§ Record extracts
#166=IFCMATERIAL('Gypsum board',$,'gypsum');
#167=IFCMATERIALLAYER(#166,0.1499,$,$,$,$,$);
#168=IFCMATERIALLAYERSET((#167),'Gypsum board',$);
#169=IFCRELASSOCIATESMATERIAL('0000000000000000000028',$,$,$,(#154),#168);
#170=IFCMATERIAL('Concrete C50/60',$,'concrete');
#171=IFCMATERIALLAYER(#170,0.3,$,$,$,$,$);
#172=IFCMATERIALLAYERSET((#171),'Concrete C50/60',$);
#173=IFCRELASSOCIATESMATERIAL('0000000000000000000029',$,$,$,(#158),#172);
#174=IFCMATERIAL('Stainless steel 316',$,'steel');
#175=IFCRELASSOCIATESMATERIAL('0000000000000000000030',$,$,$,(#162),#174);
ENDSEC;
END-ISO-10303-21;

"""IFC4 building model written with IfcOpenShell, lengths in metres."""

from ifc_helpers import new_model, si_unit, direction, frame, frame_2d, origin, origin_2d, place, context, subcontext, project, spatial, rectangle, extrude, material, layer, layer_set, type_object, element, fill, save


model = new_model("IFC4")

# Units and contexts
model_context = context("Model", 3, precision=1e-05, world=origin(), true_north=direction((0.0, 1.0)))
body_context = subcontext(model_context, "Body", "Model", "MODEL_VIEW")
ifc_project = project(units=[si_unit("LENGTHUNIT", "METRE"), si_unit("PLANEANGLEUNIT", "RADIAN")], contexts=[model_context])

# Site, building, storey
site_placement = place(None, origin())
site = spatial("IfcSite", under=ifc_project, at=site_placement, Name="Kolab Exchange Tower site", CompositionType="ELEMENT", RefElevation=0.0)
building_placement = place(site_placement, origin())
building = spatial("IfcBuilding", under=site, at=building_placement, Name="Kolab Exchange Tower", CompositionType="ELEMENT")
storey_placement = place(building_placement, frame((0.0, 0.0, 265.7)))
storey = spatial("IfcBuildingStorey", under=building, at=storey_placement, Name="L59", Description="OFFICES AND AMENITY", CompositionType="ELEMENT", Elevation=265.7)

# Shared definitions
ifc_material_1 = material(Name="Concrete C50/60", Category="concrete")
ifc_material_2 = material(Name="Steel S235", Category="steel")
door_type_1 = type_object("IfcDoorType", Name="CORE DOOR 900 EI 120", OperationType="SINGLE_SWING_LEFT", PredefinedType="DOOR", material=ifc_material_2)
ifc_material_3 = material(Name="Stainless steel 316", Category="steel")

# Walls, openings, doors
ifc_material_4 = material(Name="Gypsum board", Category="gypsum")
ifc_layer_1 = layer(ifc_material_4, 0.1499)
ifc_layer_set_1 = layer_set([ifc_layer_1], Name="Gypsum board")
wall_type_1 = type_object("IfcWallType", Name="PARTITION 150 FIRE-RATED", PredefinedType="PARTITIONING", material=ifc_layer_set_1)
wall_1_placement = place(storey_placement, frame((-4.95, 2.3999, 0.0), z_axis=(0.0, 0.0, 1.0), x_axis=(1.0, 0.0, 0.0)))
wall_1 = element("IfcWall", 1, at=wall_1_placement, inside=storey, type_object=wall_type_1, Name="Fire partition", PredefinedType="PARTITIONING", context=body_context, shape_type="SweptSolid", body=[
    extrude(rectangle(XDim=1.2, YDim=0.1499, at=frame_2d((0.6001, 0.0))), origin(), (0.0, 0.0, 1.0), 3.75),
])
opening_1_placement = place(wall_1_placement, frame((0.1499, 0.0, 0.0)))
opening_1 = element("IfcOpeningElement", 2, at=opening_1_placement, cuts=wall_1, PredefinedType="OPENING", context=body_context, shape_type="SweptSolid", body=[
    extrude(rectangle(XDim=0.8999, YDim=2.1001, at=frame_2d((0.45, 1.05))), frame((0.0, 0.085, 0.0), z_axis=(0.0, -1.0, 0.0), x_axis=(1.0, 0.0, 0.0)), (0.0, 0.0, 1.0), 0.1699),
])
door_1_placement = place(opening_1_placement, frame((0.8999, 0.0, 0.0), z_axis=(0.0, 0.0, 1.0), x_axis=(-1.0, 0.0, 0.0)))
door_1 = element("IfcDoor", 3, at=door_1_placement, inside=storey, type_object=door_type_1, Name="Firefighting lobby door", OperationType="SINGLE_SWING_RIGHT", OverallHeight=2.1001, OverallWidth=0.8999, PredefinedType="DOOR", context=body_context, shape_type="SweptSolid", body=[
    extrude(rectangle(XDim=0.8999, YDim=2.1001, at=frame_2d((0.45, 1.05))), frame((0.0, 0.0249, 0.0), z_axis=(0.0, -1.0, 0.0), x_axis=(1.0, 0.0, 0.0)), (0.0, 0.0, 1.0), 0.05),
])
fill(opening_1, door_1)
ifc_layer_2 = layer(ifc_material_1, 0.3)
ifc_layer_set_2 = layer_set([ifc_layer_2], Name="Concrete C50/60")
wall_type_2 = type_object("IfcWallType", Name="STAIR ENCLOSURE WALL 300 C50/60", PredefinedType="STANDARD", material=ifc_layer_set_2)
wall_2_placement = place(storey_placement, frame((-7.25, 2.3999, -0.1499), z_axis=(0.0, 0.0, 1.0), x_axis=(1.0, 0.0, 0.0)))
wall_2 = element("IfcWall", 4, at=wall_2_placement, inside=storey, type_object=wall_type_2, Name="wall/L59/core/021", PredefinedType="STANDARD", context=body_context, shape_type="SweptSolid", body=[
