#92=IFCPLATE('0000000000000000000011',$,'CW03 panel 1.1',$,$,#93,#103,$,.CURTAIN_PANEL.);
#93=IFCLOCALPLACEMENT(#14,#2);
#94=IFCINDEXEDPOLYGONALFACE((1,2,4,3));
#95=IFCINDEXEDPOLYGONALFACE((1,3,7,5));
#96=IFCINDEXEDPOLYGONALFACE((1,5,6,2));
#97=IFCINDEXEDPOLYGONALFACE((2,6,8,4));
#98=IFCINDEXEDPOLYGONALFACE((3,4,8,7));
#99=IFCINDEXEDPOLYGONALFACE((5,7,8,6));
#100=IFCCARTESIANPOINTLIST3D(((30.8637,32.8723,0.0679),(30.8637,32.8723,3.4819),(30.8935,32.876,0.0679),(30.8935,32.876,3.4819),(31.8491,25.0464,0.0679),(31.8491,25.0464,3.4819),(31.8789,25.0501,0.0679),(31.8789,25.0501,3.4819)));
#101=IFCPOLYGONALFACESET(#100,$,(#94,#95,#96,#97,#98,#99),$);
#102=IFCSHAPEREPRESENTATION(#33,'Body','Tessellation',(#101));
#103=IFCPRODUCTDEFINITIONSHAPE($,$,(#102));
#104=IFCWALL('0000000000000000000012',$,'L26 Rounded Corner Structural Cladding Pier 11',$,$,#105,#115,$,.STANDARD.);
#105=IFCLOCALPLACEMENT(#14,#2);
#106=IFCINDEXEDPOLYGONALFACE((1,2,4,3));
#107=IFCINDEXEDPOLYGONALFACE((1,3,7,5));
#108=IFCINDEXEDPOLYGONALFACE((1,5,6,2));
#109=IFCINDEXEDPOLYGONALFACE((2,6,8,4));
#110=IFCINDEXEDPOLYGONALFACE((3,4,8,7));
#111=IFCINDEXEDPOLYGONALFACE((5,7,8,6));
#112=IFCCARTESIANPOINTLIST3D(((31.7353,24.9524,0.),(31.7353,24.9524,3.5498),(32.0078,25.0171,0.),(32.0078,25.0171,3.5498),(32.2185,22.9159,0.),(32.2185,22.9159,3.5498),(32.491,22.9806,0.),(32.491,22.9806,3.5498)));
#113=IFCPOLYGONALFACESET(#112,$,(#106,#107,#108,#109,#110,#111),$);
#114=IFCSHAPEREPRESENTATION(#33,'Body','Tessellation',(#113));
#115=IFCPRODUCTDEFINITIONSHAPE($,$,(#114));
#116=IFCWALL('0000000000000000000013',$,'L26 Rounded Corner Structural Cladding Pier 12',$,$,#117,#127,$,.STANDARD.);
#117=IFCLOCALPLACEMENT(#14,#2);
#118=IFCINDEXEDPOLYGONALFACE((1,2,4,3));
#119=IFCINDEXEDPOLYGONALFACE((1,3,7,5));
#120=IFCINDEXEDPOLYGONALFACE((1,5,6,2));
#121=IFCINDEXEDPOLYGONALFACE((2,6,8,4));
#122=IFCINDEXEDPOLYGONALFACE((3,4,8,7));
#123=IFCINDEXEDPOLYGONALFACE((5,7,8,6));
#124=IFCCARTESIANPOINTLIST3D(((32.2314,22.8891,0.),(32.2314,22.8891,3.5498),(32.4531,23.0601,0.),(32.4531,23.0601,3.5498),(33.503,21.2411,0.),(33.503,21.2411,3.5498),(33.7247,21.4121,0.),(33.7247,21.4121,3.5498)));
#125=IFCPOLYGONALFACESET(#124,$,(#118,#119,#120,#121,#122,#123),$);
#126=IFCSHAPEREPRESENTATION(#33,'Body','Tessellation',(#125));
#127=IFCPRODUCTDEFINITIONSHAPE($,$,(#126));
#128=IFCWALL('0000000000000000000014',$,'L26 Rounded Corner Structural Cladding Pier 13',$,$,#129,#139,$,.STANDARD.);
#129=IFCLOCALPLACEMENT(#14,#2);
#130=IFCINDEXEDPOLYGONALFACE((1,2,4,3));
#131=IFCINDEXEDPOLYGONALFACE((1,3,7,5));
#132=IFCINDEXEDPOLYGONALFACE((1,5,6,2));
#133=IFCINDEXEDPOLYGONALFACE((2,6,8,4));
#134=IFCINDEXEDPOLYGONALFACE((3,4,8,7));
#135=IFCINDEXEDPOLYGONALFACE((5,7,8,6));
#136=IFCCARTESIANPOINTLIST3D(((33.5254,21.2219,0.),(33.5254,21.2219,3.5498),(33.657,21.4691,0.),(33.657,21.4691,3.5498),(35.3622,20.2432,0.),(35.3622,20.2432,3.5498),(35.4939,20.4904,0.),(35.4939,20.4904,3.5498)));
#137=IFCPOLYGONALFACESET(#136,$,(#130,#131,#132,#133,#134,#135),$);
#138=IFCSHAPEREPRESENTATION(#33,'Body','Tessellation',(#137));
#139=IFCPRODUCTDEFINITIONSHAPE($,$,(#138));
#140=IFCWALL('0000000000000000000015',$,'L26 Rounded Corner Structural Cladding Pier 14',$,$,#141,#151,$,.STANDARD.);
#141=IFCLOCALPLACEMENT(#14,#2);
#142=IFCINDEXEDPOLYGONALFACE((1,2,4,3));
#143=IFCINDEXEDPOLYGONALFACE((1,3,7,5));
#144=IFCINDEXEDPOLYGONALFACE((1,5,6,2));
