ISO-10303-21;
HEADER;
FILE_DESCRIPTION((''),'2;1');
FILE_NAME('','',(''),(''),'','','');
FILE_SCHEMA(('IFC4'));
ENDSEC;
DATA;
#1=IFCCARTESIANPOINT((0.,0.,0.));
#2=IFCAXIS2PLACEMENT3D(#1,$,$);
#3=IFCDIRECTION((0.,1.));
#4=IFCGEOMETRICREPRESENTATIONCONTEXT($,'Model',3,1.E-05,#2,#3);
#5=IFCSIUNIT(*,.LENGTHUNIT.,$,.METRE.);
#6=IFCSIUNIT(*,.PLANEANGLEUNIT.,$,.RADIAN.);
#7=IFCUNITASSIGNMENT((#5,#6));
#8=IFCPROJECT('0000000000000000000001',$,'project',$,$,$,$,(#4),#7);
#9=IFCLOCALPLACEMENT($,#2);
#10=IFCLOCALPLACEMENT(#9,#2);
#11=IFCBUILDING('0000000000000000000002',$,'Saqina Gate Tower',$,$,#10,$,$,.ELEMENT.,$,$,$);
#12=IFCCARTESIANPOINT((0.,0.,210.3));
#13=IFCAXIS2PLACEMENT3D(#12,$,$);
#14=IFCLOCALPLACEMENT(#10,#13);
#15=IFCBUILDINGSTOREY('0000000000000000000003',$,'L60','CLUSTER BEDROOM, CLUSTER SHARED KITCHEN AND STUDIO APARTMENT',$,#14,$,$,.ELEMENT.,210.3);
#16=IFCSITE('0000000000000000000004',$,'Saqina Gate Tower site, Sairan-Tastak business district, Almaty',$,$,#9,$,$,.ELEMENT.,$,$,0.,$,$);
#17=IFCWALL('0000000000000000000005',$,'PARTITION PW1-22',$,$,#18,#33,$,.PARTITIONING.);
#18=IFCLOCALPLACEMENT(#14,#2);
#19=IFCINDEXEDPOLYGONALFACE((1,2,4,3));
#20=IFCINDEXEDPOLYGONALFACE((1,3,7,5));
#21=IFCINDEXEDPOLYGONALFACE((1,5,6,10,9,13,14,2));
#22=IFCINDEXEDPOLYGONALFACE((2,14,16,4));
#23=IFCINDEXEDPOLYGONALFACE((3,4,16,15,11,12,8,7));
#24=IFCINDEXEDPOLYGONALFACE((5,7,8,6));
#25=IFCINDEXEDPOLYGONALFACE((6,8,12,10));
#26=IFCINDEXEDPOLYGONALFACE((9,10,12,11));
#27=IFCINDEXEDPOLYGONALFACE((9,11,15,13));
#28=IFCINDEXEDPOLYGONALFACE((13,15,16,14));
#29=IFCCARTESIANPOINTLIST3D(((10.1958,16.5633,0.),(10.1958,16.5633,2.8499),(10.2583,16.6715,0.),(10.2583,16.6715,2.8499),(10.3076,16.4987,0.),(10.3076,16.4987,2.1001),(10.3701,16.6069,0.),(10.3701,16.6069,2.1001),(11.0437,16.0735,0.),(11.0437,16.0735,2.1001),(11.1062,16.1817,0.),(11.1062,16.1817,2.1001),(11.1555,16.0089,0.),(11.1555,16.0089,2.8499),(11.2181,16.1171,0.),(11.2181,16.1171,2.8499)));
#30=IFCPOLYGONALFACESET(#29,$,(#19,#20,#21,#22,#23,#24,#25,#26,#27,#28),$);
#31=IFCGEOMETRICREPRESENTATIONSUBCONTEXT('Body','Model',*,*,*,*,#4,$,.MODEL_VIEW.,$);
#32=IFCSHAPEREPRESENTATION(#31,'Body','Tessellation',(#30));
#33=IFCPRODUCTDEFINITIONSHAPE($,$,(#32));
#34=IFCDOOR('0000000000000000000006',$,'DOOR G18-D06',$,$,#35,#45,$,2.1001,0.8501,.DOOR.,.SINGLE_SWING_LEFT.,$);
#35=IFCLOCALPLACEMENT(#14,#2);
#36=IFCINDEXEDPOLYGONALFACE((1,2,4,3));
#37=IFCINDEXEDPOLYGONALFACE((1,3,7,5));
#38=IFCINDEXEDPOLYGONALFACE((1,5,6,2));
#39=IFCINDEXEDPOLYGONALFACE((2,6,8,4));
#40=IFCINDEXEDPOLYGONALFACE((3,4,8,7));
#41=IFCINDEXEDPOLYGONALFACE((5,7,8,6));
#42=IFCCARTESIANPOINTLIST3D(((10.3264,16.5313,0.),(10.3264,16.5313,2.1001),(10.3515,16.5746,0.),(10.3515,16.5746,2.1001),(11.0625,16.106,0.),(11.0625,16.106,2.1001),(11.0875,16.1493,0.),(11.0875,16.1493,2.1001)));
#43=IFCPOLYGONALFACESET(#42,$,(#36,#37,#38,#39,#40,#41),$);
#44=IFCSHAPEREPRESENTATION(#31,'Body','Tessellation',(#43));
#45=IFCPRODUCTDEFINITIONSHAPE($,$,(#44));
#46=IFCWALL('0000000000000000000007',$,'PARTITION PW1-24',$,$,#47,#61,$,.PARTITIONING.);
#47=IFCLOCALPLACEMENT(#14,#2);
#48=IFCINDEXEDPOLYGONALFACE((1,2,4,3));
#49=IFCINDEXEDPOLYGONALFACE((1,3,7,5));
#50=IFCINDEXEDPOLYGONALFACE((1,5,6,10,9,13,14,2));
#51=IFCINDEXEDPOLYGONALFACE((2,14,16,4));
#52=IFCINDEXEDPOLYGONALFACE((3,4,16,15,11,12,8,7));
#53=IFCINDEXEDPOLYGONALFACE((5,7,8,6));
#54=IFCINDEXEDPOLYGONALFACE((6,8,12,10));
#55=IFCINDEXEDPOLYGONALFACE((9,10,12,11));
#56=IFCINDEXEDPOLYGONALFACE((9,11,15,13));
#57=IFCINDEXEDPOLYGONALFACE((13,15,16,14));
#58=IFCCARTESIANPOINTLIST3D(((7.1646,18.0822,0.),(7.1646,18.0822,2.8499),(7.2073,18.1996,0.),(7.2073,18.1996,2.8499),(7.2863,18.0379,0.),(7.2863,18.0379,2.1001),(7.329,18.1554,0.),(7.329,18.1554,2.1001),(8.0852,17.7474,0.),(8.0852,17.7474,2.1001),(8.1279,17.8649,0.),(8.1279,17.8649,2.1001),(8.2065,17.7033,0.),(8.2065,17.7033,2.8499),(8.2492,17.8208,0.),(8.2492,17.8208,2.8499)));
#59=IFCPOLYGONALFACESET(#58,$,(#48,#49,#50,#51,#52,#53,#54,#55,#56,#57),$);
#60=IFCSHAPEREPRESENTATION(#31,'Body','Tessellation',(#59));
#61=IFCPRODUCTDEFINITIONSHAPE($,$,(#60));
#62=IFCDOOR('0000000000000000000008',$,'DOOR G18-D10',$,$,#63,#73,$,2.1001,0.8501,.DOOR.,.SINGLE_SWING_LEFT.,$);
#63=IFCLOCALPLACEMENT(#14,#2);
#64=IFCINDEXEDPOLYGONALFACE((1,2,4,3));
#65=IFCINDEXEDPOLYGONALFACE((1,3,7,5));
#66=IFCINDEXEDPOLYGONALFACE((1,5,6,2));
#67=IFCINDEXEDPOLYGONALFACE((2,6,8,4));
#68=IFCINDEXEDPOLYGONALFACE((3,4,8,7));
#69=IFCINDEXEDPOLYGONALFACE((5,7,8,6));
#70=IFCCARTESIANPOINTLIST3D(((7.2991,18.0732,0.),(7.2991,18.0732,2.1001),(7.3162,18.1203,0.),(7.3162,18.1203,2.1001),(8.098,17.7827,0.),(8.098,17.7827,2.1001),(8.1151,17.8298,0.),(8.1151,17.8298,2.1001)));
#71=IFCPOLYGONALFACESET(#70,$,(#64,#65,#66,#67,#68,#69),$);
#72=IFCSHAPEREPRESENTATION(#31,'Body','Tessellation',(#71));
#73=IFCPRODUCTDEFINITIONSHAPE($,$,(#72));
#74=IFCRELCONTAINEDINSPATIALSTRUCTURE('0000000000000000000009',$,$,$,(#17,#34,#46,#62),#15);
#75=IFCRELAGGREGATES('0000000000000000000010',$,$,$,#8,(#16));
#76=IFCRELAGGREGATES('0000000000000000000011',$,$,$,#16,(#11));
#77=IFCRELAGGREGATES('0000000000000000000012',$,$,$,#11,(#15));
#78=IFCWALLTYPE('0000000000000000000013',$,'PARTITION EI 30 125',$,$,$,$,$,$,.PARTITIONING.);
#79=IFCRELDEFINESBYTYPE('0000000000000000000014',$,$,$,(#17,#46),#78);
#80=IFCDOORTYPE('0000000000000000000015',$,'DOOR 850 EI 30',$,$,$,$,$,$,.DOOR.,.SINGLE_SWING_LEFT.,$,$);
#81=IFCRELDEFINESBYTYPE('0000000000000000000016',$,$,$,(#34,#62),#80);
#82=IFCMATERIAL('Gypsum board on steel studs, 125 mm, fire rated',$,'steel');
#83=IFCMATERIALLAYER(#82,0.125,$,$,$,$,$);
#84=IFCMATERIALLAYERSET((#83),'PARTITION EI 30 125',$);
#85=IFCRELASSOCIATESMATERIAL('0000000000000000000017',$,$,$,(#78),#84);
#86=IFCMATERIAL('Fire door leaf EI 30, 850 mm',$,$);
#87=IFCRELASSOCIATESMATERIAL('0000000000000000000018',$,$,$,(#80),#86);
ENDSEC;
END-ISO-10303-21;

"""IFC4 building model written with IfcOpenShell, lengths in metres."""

from ifc_helpers import new_model, si_unit, direction, frame, frame_2d, origin, place, context, subcontext, project, spatial, rectangle, extrude, material, layer, layer_set, type_object, element, fill, save


model = new_model("IFC4")

# Units and contexts
model_context = context("Model", 3, precision=1e-05, world=origin(), true_north=direction((0.0, 1.0)))
body_context = subcontext(model_context, "Body", "Model", "MODEL_VIEW")
ifc_project = project(units=[si_unit("LENGTHUNIT", "METRE"), si_unit("PLANEANGLEUNIT", "RADIAN")], contexts=[model_context])

# Site, building, storey
site_placement = place(None, origin())
site = spatial("IfcSite", under=ifc_project, at=site_placement, Name="Saqina Gate Tower site, Sairan-Tastak business district, Almaty", CompositionType="ELEMENT", RefElevation=0.0)
building_placement = place(site_placement, origin())
building = spatial("IfcBuilding", under=site, at=building_placement, Name="Saqina Gate Tower", CompositionType="ELEMENT")
storey_placement = place(building_placement, frame((0.0, 0.0, 210.3)))
storey = spatial("IfcBuildingStorey", under=building, at=storey_placement, Name="L60", Description="CLUSTER BEDROOM, CLUSTER SHARED KITCHEN AND STUDIO APARTMENT", CompositionType="ELEMENT", Elevation=210.3)

# Walls, openings, doors
ifc_material_1 = material(Name="Gypsum board on steel studs, 125 mm, fire rated", Category="steel")
ifc_layer_1 = layer(ifc_material_1, 0.125)
ifc_layer_set_1 = layer_set([ifc_layer_1], Name="PARTITION EI 30 125")
wall_type_1 = type_object("IfcWallType", Name="PARTITION EI 30 125", PredefinedType="PARTITIONING", material=ifc_layer_set_1)
wall_1_placement = place(storey_placement, frame((10.2271, 16.6174, 0.0), z_axis=(0.0, 0.0, 1.0), x_axis=(0.865888, -0.500237, 0.0)))
wall_1 = element("IfcWall", 1, at=wall_1_placement, inside=storey, type_object=wall_type_1, Name="PARTITION PW1-22", PredefinedType="PARTITIONING", context=body_context, shape_type="SweptSolid", body=[
    extrude(rectangle(XDim=1.1084, YDim=0.125, at=frame_2d((0.5542, 0.0))), origin(), (0.0, 0.0, 1.0), 2.8499),
])
opening_1_placement = place(wall_1_placement, frame((0.1292, 0.0, 0.0)))
opening_1 = element("IfcOpeningElement", 2, at=opening_1_placement, cuts=wall_1, PredefinedType="OPENING", context=body_context, shape_type="SweptSolid", body=[
    extrude(rectangle(XDim=0.8501, YDim=2.1001, at=frame_2d((0.425, 1.05))), frame((0.0, 0.0745, 0.0), z_axis=(0.0, -1.0, 0.0), x_axis=(1.0, 0.0, 0.0)), (0.0, 0.0, 1.0), 0.1489),
])
ifc_material_2 = material(Name="Fire door leaf EI 30, 850 mm")
door_type_1 = type_object("IfcDoorType", Name="DOOR 850 EI 30", OperationType="SINGLE_SWING_LEFT", PredefinedType="DOOR", material=ifc_material_2)
door_1_placement = place(opening_1_placement, frame((0.8501, 0.0, 0.0), z_axis=(0.0, 0.0, 1.0), x_axis=(-1.0, 0.0, 0.0)))
door_1 = element("IfcDoor", 3, at=door_1_placement, inside=storey, type_object=door_type_1, Name="DOOR G18-D06", OperationType="SINGLE_SWING_LEFT", OverallHeight=2.1001, OverallWidth=0.8501, PredefinedType="DOOR", context=body_context, shape_type="SweptSolid", body=[
    extrude(rectangle(XDim=0.8501, YDim=2.1001, at=frame_2d((0.425, 1.05))), frame((0.0, 0.0249, 0.0), z_axis=(0.0, -1.0, 0.0), x_axis=(1.0, 0.0, 0.0)), (0.0, 0.0, 1.0), 0.05),
])
fill(opening_1, door_1)
wall_2_placement = place(storey_placement, frame((7.186, 18.1409, 0.0), z_axis=(0.0, 0.0, 1.0), x_axis=(0.939793, -0.341743, 0.0)))
wall_2 = element("IfcWall", 4, at=wall_2_placement, inside=storey, type_object=wall_type_1, Name="PARTITION PW1-24", PredefinedType="PARTITIONING", context=body_context, shape_type="SweptSolid", body=[
    extrude(rectangle(XDim=1.1086, YDim=0.125, at=frame_2d((0.5542, 0.0))), origin(), (0.0, 0.0, 1.0), 2.8499),
])
opening_2_placement = place(wall_2_placement, frame((0.1294, 0.0, 0.0)))
opening_2 = element("IfcOpeningElement", 5, at=opening_2_placement, cuts=wall_2, PredefinedType="OPENING", context=body_context, shape_type="SweptSolid", body=[
    extrude(rectangle(XDim=0.8501, YDim=2.1001, at=frame_2d((0.425, 1.05))), frame((0.0, 0.0745, 0.0), z_axis=(0.0, -1.0, 0.0), x_axis=(1.0, 0.0, 0.0)), (0.0, 0.0, 1.0), 0.1489),
])
door_2_placement = place(opening_2_placement, frame((0.8501, 0.0, 0.0), z_axis=(0.0, 0.0, 1.0), x_axis=(-1.0, 0.0, 0.0)))
door_2 = element("IfcDoor", 6, at=door_2_placement, inside=storey, type_object=door_type_1, Name="DOOR G18-D10", OperationType="SINGLE_SWING_LEFT", OverallHeight=2.1001, OverallWidth=0.8501, PredefinedType="DOOR", context=body_context, shape_type="SweptSolid", body=[
    extrude(rectangle(XDim=0.8501, YDim=2.1001, at=frame_2d((0.425, 1.05))), frame((0.0, 0.0249, 0.0), z_axis=(0.0, -1.0, 0.0), x_axis=(1.0, 0.0, 0.0)), (0.0, 0.0, 1.0), 0.05),
])
fill(opening_2, door_2)

save(model, "model.ifc")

§ Exercise brief
Lines from the start of the material above through the line containing "#171=IFCMATERIALLAYER(#170,0.3,$,$,$,$,$);" are to be duplicated exactly, and only those.

§ Response area
#166=IFCMATERIAL('Gypsum board',$,'gypsum');
#167=IFCMATERIALLAYER(#166,0.1499,$,$,$,$,$);
#168=IFCMATERIALLAYERSET((#167),'Gypsum board',$);
#169=IFCRELASSOCIATESMATERIAL('0000000000000000000028',$,$,$,(#154),#168);
#170=IFCMATERIAL('Concrete C50/60',$,'concrete');
#171=IFCMATERIALLAYER(#170,0.3,$,$,$,$,$);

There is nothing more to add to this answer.